# [WHAT TO DO]
Once the line containing "building model written" is located, give it again exactly, together with each line that follows it to the end of the entries, and add nothing else.

(Dataset entries)
···

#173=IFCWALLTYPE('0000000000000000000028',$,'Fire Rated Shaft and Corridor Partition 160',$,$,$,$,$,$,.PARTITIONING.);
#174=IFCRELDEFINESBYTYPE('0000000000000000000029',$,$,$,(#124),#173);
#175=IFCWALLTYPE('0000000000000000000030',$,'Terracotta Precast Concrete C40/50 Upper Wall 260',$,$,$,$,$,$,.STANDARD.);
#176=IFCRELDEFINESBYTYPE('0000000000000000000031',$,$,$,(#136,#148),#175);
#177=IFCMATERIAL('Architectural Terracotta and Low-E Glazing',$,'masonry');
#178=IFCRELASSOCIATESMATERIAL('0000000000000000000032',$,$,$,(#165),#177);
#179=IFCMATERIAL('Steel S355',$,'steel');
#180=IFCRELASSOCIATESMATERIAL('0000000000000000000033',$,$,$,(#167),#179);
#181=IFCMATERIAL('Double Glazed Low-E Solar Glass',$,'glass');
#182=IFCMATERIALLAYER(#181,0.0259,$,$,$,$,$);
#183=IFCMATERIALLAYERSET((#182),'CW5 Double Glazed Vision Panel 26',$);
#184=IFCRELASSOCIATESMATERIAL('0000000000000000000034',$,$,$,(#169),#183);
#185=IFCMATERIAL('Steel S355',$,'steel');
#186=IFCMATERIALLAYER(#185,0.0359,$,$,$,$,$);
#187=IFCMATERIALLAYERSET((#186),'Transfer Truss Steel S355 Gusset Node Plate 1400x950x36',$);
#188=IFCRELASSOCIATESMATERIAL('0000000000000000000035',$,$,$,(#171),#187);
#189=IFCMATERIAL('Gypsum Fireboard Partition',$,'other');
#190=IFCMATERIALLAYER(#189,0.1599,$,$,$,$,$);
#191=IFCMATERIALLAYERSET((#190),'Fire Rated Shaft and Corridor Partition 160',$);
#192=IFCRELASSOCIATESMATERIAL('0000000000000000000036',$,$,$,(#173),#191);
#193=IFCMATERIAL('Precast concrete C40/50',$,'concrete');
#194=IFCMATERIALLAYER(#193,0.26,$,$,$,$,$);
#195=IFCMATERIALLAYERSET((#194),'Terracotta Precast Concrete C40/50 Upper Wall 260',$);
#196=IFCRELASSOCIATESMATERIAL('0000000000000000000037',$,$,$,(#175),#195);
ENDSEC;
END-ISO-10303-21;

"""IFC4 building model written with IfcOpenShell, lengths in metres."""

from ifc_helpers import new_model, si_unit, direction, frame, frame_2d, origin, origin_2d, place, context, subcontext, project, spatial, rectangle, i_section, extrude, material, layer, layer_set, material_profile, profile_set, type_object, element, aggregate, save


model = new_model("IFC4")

···

# [SOLUTION TO THIS TASK]
"""IFC4 building model written with IfcOpenShell, lengths in metres."""

from ifc_helpers import new_model, si_unit, direction, frame, frame_2d, origin, origin_2d, place, context, subcontext, project, spatial, rectangle, i_section, extrude, material, layer, layer_set, material_profile, profile_set, type_object, element, aggregate, save


model = new_model("IFC4")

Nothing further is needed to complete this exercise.